Dataset excerpts START

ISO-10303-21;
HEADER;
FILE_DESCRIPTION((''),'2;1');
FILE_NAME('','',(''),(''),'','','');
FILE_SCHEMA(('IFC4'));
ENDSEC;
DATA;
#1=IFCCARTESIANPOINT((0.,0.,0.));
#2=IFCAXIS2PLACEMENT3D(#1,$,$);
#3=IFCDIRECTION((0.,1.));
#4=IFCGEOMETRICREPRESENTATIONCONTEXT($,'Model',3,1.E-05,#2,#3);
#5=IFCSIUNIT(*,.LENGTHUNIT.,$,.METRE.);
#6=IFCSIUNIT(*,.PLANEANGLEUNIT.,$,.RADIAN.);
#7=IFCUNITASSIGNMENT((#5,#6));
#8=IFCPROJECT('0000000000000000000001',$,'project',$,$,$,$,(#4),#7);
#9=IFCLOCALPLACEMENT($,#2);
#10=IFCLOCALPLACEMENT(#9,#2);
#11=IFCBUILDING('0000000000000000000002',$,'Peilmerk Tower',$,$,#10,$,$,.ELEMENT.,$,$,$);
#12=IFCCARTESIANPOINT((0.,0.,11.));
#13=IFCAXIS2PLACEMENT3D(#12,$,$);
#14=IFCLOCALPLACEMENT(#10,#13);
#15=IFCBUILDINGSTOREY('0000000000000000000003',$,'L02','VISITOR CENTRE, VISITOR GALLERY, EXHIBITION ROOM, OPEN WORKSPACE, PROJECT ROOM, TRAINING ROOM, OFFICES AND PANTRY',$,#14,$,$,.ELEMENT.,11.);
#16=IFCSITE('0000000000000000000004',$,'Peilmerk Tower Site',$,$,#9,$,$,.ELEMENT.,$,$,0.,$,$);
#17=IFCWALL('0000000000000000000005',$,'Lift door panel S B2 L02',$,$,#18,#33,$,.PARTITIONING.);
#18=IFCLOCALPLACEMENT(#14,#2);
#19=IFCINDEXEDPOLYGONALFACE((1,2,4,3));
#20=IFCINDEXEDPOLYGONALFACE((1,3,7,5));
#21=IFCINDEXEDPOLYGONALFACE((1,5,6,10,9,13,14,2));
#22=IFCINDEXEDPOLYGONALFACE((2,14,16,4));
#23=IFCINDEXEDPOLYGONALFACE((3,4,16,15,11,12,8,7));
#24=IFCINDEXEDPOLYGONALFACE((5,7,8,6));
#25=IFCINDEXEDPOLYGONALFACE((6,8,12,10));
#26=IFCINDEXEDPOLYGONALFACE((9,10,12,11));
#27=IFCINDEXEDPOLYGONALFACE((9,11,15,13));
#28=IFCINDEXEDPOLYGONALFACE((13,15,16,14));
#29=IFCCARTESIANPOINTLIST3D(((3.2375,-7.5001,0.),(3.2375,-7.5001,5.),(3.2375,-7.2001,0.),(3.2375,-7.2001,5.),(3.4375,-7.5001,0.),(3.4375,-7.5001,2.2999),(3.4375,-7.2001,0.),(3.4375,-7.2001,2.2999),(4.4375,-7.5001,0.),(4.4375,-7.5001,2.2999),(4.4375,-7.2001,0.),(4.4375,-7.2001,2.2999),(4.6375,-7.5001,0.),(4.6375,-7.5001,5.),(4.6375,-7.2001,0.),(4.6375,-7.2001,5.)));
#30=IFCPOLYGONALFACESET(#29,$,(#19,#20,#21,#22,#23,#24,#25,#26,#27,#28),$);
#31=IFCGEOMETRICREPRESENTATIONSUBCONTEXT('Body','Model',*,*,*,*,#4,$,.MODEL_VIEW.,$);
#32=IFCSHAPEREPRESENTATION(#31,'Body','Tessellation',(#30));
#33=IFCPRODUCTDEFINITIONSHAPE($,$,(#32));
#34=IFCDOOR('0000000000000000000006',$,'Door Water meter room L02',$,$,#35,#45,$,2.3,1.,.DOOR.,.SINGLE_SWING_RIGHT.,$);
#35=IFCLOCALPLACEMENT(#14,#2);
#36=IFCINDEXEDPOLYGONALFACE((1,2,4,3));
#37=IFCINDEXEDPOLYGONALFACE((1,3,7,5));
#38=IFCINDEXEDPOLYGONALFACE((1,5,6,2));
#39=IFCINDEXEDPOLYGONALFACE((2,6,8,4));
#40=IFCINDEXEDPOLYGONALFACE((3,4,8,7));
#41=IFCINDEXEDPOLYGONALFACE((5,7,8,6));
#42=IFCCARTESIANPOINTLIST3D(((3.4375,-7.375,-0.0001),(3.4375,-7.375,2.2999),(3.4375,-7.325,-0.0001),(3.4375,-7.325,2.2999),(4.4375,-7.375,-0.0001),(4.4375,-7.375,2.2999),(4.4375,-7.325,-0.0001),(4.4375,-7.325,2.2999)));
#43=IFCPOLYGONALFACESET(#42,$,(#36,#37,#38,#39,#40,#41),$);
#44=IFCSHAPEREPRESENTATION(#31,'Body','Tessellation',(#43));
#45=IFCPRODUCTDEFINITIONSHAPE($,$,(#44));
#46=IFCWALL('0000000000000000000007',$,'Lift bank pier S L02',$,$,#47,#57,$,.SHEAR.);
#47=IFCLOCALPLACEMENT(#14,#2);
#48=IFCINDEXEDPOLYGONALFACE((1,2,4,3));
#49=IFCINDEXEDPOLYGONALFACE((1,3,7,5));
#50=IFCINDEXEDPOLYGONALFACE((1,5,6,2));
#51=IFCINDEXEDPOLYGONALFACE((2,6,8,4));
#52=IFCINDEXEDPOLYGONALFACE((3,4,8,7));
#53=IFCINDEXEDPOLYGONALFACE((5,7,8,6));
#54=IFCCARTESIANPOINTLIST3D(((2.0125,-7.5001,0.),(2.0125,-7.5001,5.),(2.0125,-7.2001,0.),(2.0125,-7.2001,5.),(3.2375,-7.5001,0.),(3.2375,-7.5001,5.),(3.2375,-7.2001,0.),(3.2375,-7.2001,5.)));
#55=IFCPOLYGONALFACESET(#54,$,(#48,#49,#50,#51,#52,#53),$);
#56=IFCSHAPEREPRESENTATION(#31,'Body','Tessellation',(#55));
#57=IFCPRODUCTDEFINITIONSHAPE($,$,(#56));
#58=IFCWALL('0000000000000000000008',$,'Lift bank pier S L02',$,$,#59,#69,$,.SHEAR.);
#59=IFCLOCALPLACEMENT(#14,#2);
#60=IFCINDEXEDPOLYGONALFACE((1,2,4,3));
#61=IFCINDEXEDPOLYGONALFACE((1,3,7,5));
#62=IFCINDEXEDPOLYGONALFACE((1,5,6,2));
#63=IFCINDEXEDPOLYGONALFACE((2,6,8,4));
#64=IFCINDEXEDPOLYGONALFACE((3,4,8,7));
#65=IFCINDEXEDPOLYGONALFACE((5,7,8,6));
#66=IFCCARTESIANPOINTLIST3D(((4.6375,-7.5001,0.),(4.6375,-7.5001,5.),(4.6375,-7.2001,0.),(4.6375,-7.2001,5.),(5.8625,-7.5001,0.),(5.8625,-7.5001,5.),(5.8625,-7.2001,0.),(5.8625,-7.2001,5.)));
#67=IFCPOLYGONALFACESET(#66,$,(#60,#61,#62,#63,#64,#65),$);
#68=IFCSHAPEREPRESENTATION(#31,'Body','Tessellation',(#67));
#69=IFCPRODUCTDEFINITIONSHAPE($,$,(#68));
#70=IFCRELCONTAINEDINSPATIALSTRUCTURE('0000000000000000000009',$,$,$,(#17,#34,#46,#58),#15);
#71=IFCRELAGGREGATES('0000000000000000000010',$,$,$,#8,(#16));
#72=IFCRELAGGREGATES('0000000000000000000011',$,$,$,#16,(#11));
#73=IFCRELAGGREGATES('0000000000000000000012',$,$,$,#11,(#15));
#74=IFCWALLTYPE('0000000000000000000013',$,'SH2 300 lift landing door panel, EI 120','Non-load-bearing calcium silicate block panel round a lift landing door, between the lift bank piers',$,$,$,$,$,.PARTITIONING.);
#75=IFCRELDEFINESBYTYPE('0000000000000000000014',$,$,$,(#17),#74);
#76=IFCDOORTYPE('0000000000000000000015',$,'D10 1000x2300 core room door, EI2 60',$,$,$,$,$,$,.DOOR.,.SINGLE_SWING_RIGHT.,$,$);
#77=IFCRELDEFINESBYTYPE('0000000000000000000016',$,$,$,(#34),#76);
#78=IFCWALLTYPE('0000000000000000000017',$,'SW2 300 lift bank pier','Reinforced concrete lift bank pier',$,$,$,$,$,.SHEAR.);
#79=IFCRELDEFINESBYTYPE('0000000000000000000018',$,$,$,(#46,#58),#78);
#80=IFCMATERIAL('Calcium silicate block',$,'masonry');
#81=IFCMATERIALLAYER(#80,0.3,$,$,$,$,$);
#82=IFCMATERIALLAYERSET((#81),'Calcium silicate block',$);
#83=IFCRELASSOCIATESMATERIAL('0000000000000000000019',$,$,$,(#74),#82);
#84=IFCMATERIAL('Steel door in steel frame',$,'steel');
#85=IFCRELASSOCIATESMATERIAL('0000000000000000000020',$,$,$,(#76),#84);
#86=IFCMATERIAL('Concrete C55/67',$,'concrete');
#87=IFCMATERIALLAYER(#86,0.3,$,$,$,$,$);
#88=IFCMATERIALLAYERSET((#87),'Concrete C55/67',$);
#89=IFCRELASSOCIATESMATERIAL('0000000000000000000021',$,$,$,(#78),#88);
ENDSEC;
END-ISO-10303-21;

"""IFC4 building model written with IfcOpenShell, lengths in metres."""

from ifc_helpers import new_model, si_unit, direction, frame, frame_2d, origin, place, context, subcontext, project, spatial, rectangle, extrude, material, layer, layer_set, type_object, element, fill, save


model = new_model("IFC4")

# Units and contexts
model_context = context("Model", 3, precision=1e-05, world=origin(), true_north=direction((0.0, 1.0)))
body_context = subcontext(model_context, "Body", "Model", "MODEL_VIEW")
ifc_project = project(units=[si_unit("LENGTHUNIT", "METRE"), si_unit("PLANEANGLEUNIT", "RADIAN")], contexts=[model_context])

# Site, building, storey
site_placement = place(None, origin())
site = spatial("IfcSite", under=ifc_project, at=site_placement, Name="Peilmerk Tower Site", CompositionType="ELEMENT", RefElevation=0.0)
building_placement = place(site_placement, origin())
building = spatial("IfcBuilding", under=site, at=building_placement, Name="Peilmerk Tower", CompositionType="ELEMENT")
storey_placement = place(building_placement, frame((0.0, 0.0, 11.0)))
storey = spatial("IfcBuildingStorey", under=building, at=storey_placement, Name="L02", Description="VISITOR CENTRE, VISITOR GALLERY, EXHIBITION ROOM, OPEN WORKSPACE, PROJECT ROOM, TRAINING ROOM, OFFICES AND PANTRY", CompositionType="ELEMENT", Elevation=11.0)

# Shared definitions
ifc_material_1 = material(Name="Calcium silicate block", Category="masonry")

# Wall, opening, door
ifc_layer_1 = layer(ifc_material_1, 0.3)
ifc_layer_set_1 = layer_set([ifc_layer_1], Name="Calcium silicate block")
wall_type_1 = type_object("IfcWallType", Name="SH2 300 lift landing door panel, EI 120", Description="Non-load-bearing calcium silicate block panel round a lift landing door, between the lift bank piers", PredefinedType="PARTITIONING", material=ifc_layer_set_1)
ifc_material_2 = material(Name="Steel door in steel frame", Category="steel")
door_type = type_object("IfcDoorType", Name="D10 1000x2300 core room door, EI2 60", OperationType="SINGLE_SWING_RIGHT", PredefinedType="DOOR", material=ifc_material_2)
wall_1_placement = place(storey_placement, frame((3.2375, -7.3501, 0.0), z_axis=(0.0, 0.0, 1.0), x_axis=(1.0, 0.0, 0.0)))
wall_1 = element("IfcWall", 1, at=wall_1_placement, inside=storey, type_object=wall_type_1, Name="Lift door panel S B2 L02", PredefinedType="PARTITIONING", context=body_context, shape_type="SweptSolid", body=[
    extrude(rectangle(XDim=1.3999, YDim=0.3, at=frame_2d((0.7, 0.0))), origin(), (0.0, 0.0, 1.0), 5.0),
])
opening_1_placement = place(wall_1_placement, frame((0.2, 0.0, 0.0)))
opening_1 = element("IfcOpeningElement", 2, at=opening_1_placement, cuts=wall_1, PredefinedType="OPENING", context=body_context, shape_type="SweptSolid", body=[
    extrude(rectangle(XDim=1.0, YDim=2.3, at=frame_2d((0.5, 1.1499))), frame((0.0, 0.1599, 0.0), z_axis=(0.0, -1.0, 0.0), x_axis=(1.0, 0.0, 0.0)), (0.0, 0.0, 1.0), 0.3201),
])
door_1_placement = place(opening_1_placement, frame((1.0, 0.0, 0.0), z_axis=(0.0, 0.0, 1.0), x_axis=(-1.0, 0.0, 0.0)))
door_1 = element("IfcDoor", 3, at=door_1_placement, inside=storey, type_object=door_type, Name="Door Water meter room L02", OperationType="SINGLE_SWING_RIGHT", OverallHeight=2.3, OverallWidth=1.0, PredefinedType="DOOR", context=body_context, shape_type="SweptSolid", body=[
    extrude(rectangle(XDim=1.0, YDim=2.3, at=frame_2d((0.5, 1.1499))), frame((0.0, 0.0249, 0.0), z_axis=(0.0, -1.0, 0.0), x_axis=(1.0, 0.0, 0.0)), (0.0, 0.0, 1.0), 0.05),
])
fill(opening_1, door_1)

# Walls
ifc_material_3 = material(Name="Concrete C55/67", Category="concrete")
ifc_layer_2 = layer(ifc_material_3, 0.3)
ifc_layer_set_2 = layer_set([ifc_layer_2], Name="Concrete C55/67")
wall_type_2 = type_object("IfcWallType", Name="SW2 300 lift bank pier", Description="Reinforced concrete lift bank pier", PredefinedType="SHEAR", material=ifc_layer_set_2)
for number, where, z_axis, x_axis, name in (
    (4, (2.0125, -7.3501, 0.0), (0.0, 0.0, 1.0), (1.0, 0.0, 0.0), "Lift bank pier S L02"),
    (5, (4.6375, -7.3501, 0.0), (0.0, 0.0, 1.0), (1.0, 0.0, 0.0), "Lift bank pier S L02"),
):
    element("IfcWall", number, at=place(storey_placement, frame(where, z_axis=z_axis, x_axis=x_axis)), inside=storey, type_object=wall_type_2, Name=name, PredefinedType="SHEAR", context=body_context, shape_type="SweptSolid", body=[
        extrude(rectangle(XDim=1.2251, YDim=0.3, at=frame_2d((0.6125, 0.0))), origin(), (0.0, 0.0, 1.0), 5.0),
    ])

save(model, "model.ifc")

Dataset excerpts END

What the exercise asks
Please give back exactly the lines of this listing beginning at the line with "#12=IFCCARTESIANPOINT((0.,0.,11.));" and ending with the line with "OFFICES AND PANTRY',$,#14,$,$,.ELEMENT.,11.);", both included, and nothing else.

Solution for this task
#12=IFCCARTESIANPOINT((0.,0.,11.));
#13=IFCAXIS2PLACEMENT3D(#12,$,$);
#14=IFCLOCALPLACEMENT(#10,#13);
#15=IFCBUILDINGSTOREY('0000000000000000000003',$,'L02','VISITOR CENTRE, VISITOR GALLERY, EXHIBITION ROOM, OPEN WORKSPACE, PROJECT ROOM, TRAINING ROOM, OFFICES AND PANTRY',$,#14,$,$,.ELEMENT.,11.);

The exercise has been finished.